### SUPPLIED INFORMATION
□ □ □

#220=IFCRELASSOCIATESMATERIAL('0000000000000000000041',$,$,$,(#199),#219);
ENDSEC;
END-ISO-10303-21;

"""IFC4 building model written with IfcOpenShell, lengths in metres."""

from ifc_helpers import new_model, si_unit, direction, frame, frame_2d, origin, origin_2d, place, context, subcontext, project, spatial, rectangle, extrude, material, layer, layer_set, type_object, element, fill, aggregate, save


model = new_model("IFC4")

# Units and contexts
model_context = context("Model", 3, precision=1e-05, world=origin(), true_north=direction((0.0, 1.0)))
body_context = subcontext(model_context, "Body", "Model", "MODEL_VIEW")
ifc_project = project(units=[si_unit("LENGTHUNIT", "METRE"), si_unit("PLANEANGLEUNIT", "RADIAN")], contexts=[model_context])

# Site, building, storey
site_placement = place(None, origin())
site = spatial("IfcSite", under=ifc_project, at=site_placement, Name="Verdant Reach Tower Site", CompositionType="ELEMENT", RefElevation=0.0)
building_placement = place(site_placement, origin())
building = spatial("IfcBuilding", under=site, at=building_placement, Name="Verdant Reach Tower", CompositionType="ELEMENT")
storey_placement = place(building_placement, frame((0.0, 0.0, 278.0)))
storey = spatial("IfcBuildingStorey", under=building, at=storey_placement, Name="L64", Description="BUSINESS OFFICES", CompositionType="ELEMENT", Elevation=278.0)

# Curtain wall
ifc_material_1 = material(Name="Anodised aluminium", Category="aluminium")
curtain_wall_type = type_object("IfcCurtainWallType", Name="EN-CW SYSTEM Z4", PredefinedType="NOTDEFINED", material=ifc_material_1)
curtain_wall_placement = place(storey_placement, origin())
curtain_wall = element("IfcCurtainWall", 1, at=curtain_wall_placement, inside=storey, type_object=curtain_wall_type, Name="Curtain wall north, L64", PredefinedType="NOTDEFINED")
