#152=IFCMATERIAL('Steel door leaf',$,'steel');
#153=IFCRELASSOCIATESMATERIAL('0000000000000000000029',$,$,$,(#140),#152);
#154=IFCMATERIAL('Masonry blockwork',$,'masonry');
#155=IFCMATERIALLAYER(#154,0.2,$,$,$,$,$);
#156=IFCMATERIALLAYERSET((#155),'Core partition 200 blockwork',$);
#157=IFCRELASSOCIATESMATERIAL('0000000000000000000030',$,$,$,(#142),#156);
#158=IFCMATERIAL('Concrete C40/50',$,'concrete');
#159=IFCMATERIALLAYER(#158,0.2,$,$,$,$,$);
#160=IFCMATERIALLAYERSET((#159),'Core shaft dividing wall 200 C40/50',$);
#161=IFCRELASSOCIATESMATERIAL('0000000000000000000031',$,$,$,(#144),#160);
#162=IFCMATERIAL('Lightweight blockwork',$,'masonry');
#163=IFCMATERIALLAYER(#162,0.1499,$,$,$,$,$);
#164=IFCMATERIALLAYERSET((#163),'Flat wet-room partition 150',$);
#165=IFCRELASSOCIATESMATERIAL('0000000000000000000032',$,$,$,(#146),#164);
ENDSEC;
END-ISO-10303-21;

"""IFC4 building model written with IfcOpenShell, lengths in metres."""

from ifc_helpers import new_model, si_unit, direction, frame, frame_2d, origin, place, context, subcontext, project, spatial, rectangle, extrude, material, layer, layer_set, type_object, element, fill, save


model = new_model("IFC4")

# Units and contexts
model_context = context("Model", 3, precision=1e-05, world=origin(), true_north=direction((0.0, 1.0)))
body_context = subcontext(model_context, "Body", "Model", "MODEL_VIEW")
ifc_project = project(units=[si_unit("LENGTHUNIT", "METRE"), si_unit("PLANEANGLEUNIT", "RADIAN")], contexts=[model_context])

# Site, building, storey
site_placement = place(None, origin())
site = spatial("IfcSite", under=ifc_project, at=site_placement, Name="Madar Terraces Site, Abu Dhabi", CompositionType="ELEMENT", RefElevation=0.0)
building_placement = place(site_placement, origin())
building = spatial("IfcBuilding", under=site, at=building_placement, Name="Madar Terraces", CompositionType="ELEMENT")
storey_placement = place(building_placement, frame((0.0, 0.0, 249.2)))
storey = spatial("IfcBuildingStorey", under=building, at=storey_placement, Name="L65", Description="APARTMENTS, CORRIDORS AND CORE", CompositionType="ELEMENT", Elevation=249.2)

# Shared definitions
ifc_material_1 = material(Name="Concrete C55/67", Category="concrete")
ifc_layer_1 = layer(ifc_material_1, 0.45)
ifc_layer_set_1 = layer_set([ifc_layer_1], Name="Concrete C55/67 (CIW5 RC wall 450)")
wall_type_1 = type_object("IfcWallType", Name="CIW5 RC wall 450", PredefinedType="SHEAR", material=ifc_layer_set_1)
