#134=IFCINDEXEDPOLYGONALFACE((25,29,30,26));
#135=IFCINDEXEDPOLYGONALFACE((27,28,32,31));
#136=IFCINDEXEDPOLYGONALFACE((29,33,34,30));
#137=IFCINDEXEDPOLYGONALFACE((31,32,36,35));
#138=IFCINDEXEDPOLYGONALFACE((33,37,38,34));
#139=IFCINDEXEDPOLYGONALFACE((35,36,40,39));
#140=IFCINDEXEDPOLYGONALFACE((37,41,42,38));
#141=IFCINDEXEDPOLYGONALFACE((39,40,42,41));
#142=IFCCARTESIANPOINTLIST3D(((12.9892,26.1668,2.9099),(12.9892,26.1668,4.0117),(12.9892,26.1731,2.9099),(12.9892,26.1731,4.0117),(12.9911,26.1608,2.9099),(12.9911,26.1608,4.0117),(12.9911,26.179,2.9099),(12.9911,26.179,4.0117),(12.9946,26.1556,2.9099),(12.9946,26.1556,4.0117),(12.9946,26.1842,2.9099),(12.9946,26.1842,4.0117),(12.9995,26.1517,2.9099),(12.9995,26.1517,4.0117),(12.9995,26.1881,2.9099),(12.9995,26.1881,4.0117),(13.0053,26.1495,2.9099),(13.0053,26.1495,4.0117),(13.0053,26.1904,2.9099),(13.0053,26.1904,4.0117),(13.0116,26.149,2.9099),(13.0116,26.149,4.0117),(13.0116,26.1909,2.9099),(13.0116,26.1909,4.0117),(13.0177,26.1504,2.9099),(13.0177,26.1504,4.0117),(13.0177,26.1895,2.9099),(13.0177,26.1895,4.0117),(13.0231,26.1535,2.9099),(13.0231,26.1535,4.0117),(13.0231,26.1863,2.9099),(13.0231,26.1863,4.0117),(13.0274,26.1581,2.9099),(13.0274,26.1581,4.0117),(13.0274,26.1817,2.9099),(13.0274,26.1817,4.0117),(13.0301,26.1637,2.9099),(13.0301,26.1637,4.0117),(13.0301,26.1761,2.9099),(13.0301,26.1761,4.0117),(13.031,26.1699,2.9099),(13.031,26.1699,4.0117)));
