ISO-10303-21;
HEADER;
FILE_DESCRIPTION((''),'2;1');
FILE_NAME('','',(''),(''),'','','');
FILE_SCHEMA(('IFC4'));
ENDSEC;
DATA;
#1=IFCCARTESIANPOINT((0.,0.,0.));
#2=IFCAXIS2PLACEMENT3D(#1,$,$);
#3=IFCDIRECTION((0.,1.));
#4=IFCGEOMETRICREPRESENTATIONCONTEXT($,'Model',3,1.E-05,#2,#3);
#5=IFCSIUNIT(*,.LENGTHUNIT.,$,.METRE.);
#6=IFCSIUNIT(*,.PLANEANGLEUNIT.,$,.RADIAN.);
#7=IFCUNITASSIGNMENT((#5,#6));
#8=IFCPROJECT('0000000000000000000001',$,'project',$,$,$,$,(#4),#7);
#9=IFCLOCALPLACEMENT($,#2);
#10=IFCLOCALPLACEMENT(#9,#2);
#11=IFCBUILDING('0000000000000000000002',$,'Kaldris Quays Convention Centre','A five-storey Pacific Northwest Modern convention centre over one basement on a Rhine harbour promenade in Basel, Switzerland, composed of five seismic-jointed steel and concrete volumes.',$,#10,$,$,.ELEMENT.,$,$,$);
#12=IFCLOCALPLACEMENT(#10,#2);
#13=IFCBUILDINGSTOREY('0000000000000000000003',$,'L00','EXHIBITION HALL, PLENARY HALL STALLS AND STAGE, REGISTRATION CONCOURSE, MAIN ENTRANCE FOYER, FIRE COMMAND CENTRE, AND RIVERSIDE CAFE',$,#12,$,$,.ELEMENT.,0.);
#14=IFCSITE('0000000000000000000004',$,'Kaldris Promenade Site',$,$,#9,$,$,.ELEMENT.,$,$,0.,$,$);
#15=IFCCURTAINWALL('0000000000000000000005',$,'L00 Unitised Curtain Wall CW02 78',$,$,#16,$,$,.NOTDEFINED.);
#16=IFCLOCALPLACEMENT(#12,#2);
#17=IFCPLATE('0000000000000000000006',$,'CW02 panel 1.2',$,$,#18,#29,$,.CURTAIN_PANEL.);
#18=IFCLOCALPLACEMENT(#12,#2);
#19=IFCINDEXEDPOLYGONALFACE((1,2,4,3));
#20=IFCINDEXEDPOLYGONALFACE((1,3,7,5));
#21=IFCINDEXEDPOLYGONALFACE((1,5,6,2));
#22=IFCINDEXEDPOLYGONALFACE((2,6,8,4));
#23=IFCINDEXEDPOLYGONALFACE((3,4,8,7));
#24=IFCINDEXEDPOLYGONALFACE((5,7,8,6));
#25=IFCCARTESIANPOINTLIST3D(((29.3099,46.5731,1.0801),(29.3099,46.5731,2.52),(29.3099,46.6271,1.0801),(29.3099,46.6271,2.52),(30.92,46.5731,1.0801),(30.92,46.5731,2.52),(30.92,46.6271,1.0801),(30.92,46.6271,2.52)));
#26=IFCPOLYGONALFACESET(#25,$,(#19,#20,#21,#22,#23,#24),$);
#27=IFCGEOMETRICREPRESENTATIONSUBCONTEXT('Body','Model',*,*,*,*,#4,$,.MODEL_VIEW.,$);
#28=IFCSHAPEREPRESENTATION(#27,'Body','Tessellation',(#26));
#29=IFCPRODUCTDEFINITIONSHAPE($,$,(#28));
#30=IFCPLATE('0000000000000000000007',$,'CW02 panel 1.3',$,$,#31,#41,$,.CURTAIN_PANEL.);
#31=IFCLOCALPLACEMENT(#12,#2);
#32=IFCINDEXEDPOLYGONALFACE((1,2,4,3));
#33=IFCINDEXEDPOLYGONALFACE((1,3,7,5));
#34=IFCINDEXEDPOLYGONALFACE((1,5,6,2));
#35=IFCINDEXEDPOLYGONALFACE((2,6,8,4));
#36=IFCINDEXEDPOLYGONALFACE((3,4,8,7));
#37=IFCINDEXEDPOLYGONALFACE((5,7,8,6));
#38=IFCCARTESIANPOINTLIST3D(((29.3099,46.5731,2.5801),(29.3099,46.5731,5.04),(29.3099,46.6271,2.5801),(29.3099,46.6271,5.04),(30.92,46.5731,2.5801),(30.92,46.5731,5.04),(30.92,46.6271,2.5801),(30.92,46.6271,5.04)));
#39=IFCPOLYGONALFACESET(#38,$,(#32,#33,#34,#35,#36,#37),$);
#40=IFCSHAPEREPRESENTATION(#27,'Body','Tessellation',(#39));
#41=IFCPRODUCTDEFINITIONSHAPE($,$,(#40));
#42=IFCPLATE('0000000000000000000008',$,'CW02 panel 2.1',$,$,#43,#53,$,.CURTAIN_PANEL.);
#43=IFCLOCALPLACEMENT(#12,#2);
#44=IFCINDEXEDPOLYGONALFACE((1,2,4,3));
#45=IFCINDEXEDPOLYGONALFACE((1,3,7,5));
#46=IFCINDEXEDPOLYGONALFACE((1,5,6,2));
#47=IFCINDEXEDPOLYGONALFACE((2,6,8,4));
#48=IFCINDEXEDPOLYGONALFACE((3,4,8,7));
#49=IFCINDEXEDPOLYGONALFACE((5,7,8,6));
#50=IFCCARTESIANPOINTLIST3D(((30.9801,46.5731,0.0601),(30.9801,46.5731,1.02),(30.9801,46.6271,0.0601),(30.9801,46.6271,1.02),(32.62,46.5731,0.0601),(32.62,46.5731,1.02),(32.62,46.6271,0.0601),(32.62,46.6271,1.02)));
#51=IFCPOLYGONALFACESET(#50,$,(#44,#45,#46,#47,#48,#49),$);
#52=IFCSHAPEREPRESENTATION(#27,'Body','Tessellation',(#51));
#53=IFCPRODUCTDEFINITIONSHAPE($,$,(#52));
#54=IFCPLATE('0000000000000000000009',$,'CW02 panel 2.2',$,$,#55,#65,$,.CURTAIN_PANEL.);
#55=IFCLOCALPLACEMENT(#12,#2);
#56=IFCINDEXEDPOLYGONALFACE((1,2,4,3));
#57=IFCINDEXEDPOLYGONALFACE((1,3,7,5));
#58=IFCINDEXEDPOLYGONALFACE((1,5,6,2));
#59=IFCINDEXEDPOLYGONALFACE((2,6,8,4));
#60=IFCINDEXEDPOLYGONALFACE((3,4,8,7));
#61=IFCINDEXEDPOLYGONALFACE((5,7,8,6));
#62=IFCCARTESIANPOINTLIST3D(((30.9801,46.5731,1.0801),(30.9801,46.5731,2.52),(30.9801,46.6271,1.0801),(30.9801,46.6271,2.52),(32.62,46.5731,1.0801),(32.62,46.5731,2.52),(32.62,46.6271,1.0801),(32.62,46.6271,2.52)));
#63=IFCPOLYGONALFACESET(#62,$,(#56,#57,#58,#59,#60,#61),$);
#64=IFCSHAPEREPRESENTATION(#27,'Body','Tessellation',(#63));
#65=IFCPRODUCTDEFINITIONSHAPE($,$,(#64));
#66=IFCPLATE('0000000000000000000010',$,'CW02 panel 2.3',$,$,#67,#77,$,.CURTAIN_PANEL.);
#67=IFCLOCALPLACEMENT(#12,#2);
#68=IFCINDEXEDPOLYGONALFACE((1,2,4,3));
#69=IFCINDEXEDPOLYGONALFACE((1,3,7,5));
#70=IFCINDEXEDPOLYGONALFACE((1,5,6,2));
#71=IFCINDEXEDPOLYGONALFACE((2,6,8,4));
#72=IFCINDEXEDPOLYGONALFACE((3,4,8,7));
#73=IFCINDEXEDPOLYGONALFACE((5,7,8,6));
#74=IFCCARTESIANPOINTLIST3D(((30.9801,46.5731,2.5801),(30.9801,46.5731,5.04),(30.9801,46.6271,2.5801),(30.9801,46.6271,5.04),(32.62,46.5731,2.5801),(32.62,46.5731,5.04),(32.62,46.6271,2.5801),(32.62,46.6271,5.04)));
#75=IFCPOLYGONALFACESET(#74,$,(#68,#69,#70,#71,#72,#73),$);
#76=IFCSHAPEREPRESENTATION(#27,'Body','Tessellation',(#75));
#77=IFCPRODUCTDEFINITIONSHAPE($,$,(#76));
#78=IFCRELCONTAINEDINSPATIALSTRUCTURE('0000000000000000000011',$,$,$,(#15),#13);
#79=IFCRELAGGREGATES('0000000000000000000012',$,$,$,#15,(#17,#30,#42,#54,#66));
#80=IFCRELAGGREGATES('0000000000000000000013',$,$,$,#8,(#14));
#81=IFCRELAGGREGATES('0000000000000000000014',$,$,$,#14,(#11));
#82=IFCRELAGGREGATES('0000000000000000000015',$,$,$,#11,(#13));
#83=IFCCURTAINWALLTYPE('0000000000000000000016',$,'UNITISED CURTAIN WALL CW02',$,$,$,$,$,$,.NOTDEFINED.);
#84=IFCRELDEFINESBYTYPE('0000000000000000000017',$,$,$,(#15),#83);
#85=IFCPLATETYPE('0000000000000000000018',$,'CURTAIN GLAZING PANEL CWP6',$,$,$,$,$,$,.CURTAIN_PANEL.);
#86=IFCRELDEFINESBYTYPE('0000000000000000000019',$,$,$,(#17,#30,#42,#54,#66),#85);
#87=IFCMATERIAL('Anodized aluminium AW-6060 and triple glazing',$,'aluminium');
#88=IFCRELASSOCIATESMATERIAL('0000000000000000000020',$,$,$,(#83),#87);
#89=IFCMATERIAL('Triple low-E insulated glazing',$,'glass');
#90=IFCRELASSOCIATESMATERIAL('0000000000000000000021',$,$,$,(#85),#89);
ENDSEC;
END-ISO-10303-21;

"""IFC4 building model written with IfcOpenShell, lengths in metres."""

from ifc_helpers import new_model, si_unit, direction, frame, origin, origin_2d, place, context, subcontext, project, spatial, rectangle, extrude, material, type_object, element, aggregate, save


model = new_model("IFC4")

# Units and contexts
model_context = context("Model", 3, precision=1e-05, world=origin(), true_north=direction((0.0, 1.0)))
body_context = subcontext(model_context, "Body", "Model", "MODEL_VIEW")
ifc_project = project(units=[si_unit("LENGTHUNIT", "METRE"), si_unit("PLANEANGLEUNIT", "RADIAN")], contexts=[model_context])

# Site, building, storey
site_placement = place(None, origin())
site = spatial("IfcSite", under=ifc_project, at=site_placement, Name="Kaldris Promenade Site", CompositionType="ELEMENT", RefElevation=0.0)
building_placement = place(site_placement, origin())
building = spatial("IfcBuilding", under=site, at=building_placement, Name="Kaldris Quays Convention Centre", Description="A five-storey Pacific Northwest Modern convention centre over one basement on a Rhine harbour promenade in Basel, Switzerland, composed of five seismic-jointed steel and concrete volumes.", CompositionType="ELEMENT")
storey_placement = place(building_placement, origin())
storey = spatial("IfcBuildingStorey", under=building, at=storey_placement, Name="L00", Description="EXHIBITION HALL, PLENARY HALL STALLS AND STAGE, REGISTRATION CONCOURSE, MAIN ENTRANCE FOYER, FIRE COMMAND CENTRE, AND RIVERSIDE CAFE", CompositionType="ELEMENT", Elevation=0.0)

# Curtain wall
ifc_material_1 = material(Name="Anodized aluminium AW-6060 and triple glazing", Category="aluminium")
curtain_wall_type = type_object("IfcCurtainWallType", Name="UNITISED CURTAIN WALL CW02", PredefinedType="NOTDEFINED", material=ifc_material_1)
curtain_wall_placement = place(storey_placement, origin())
curtain_wall = element("IfcCurtainWall", 1, at=curtain_wall_placement, inside=storey, type_object=curtain_wall_type, Name="L00 Unitised Curtain Wall CW02 78", PredefinedType="NOTDEFINED")

# Plates
ifc_material_2 = material(Name="Triple low-E insulated glazing", Category="glass")
plate_type = type_object("IfcPlateType", Name="CURTAIN GLAZING PANEL CWP6", PredefinedType="CURTAIN_PANEL", material=ifc_material_2)
plate_1_placement = place(storey_placement, frame((30.115, 46.6001, 1.0801), z_axis=(0.0, 0.0, 1.0), x_axis=(1.0, 0.0, 0.0)))
plate_1 = element("IfcPlate", 2, at=plate_1_placement, type_object=plate_type, Name="CW02 panel 1.2", PredefinedType="CURTAIN_PANEL", context=body_context, shape_type="SweptSolid", body=[
    extrude(rectangle(XDim=1.6101, YDim=0.054, at=origin_2d()), origin(), (0.0, 0.0, 1.0), 1.4399),
])
plate_2_placement = place(storey_placement, frame((30.115, 46.6001, 2.5801), z_axis=(0.0, 0.0, 1.0), x_axis=(1.0, 0.0, 0.0)))
plate_2 = element("IfcPlate", 3, at=plate_2_placement, type_object=plate_type, Name="CW02 panel 1.3", PredefinedType="CURTAIN_PANEL", context=body_context, shape_type="SweptSolid", body=[
    extrude(rectangle(XDim=1.6101, YDim=0.054, at=origin_2d()), origin(), (0.0, 0.0, 1.0), 2.46),
])
plate_3_placement = place(storey_placement, frame((31.8, 46.6001, 0.0601), z_axis=(0.0, 0.0, 1.0), x_axis=(1.0, 0.0, 0.0)))
plate_3 = element("IfcPlate", 4, at=plate_3_placement, type_object=plate_type, Name="CW02 panel 2.1", PredefinedType="CURTAIN_PANEL", context=body_context, shape_type="SweptSolid", body=[
    extrude(rectangle(XDim=1.6399, YDim=0.054, at=origin_2d()), origin(), (0.0, 0.0, 1.0), 0.96),
])
plate_4_placement = place(storey_placement, frame((31.8, 46.6001, 1.0801), z_axis=(0.0, 0.0, 1.0), x_axis=(1.0, 0.0, 0.0)))
plate_4 = element("IfcPlate", 5, at=plate_4_placement, type_object=plate_type, Name="CW02 panel 2.2", PredefinedType="CURTAIN_PANEL", context=body_context, shape_type="SweptSolid", body=[
    extrude(rectangle(XDim=1.6399, YDim=0.054, at=origin_2d()), origin(), (0.0, 0.0, 1.0), 1.4399),
])
plate_5_placement = place(storey_placement, frame((31.8, 46.6001, 2.5801), z_axis=(0.0, 0.0, 1.0), x_axis=(1.0, 0.0, 0.0)))
plate_5 = element("IfcPlate", 6, at=plate_5_placement, type_object=plate_type, Name="CW02 panel 2.3", PredefinedType="CURTAIN_PANEL", context=body_context, shape_type="SweptSolid", body=[
    extrude(rectangle(XDim=1.6399, YDim=0.054, at=origin_2d()), origin(), (0.0, 0.0, 1.0), 2.46),
])
aggregate(curtain_wall, [plate_1, plate_2, plate_3, plate_4, plate_5])

save(model, "model.ifc")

□ □ □

### WORK INSTRUCTIONS
All lines with the word "Terraces" must be located in the data and copied.

### FINAL ANSWER
site = spatial("IfcSite", under=ifc_project, at=site_placement, Name="Madar Terraces Site, Abu Dhabi", CompositionType="ELEMENT", RefElevation=0.0)
building = spatial("IfcBuilding", under=site, at=building_placement, Name="Madar Terraces", CompositionType="ELEMENT")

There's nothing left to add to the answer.